• SUPPLIED INFORMATION:
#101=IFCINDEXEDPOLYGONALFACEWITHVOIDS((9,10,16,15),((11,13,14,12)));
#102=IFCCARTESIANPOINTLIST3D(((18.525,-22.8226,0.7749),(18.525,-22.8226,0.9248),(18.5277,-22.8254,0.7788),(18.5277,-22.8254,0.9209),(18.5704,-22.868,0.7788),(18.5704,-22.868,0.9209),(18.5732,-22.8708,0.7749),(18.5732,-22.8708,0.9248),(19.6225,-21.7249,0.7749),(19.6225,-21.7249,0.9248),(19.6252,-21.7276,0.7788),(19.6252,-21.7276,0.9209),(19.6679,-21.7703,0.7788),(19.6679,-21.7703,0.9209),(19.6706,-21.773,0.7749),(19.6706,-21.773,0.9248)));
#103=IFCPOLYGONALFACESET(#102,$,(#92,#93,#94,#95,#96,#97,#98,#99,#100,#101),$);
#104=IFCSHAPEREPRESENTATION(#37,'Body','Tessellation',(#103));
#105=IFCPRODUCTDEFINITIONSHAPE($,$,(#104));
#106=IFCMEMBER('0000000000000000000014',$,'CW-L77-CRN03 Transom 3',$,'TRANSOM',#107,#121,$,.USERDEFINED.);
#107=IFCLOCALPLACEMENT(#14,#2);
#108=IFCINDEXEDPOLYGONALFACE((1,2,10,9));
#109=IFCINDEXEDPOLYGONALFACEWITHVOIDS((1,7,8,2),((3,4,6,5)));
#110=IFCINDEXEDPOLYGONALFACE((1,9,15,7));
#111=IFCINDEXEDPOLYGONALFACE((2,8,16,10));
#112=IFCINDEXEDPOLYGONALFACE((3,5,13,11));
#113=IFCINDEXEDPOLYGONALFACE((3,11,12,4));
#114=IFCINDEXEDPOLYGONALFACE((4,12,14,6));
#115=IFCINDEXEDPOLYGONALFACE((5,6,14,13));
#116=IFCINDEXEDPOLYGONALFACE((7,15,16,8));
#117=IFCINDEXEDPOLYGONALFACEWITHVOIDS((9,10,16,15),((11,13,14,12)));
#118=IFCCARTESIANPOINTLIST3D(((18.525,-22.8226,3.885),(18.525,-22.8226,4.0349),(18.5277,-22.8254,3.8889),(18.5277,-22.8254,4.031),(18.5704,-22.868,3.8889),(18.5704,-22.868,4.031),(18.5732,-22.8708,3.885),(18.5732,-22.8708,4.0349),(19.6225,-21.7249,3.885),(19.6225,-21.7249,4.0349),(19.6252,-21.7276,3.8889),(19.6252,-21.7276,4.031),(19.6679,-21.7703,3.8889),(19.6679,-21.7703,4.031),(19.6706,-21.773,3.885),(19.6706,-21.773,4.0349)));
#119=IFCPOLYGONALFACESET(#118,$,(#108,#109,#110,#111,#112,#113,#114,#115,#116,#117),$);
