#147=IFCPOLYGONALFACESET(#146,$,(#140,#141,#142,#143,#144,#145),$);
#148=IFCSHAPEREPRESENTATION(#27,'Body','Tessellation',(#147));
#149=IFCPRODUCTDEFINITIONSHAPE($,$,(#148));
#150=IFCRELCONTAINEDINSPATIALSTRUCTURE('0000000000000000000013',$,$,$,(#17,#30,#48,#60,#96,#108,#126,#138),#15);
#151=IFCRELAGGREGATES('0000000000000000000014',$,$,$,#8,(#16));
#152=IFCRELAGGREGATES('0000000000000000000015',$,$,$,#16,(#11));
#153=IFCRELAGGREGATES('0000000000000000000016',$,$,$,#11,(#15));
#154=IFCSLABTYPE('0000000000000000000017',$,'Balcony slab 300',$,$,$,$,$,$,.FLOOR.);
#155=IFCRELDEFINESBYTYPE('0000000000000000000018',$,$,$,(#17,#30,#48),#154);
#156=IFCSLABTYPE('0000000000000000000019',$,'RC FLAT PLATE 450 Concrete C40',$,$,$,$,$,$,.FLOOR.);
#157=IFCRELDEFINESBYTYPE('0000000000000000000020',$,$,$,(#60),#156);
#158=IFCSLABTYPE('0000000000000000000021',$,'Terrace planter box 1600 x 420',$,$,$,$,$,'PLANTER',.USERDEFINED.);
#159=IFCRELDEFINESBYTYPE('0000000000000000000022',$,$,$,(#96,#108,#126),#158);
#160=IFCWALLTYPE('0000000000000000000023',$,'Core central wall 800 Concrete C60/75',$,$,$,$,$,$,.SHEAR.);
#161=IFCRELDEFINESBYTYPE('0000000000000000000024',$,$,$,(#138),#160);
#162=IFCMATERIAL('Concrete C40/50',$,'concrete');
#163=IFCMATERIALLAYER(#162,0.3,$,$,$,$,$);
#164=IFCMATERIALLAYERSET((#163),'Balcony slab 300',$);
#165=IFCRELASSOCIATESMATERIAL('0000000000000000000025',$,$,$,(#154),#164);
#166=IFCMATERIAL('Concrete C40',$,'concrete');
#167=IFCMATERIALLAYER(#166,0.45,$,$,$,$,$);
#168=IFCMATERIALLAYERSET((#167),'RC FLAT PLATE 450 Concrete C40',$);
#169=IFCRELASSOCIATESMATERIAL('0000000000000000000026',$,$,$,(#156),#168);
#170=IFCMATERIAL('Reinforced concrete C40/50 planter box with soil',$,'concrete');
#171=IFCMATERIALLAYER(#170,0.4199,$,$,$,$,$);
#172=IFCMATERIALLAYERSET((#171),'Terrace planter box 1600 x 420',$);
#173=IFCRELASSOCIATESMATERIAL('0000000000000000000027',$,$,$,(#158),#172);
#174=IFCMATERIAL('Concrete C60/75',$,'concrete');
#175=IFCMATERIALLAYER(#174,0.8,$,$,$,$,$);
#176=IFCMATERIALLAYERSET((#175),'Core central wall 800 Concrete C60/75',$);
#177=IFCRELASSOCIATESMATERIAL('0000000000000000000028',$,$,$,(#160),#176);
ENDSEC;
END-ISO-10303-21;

• PROBLEM TO WORK ON: Answer with the exact lines running from the one that contains "#167=IFCMATERIALLAYER(#166,0.45,$,$,$,$,$);" through the last line of the data. Include no other line.

• RESPONSE BOX:
#167=IFCMATERIALLAYER(#166,0.45,$,$,$,$,$);
#168=IFCMATERIALLAYERSET((#167),'RC FLAT PLATE 450 Concrete C40',$);
#169=IFCRELASSOCIATESMATERIAL('0000000000000000000026',$,$,$,(#156),#168);
#170=IFCMATERIAL('Reinforced concrete C40/50 planter box with soil',$,'concrete');
#171=IFCMATERIALLAYER(#170,0.4199,$,$,$,$,$);
#172=IFCMATERIALLAYERSET((#171),'Terrace planter box 1600 x 420',$);
#173=IFCRELASSOCIATESMATERIAL('0000000000000000000027',$,$,$,(#158),#172);
#174=IFCMATERIAL('Concrete C60/75',$,'concrete');
#175=IFCMATERIALLAYER(#174,0.8,$,$,$,$,$);
#176=IFCMATERIALLAYERSET((#175),'Core central wall 800 Concrete C60/75',$);
#177=IFCRELASSOCIATESMATERIAL('0000000000000000000028',$,$,$,(#160),#176);
ENDSEC;
END-ISO-10303-21;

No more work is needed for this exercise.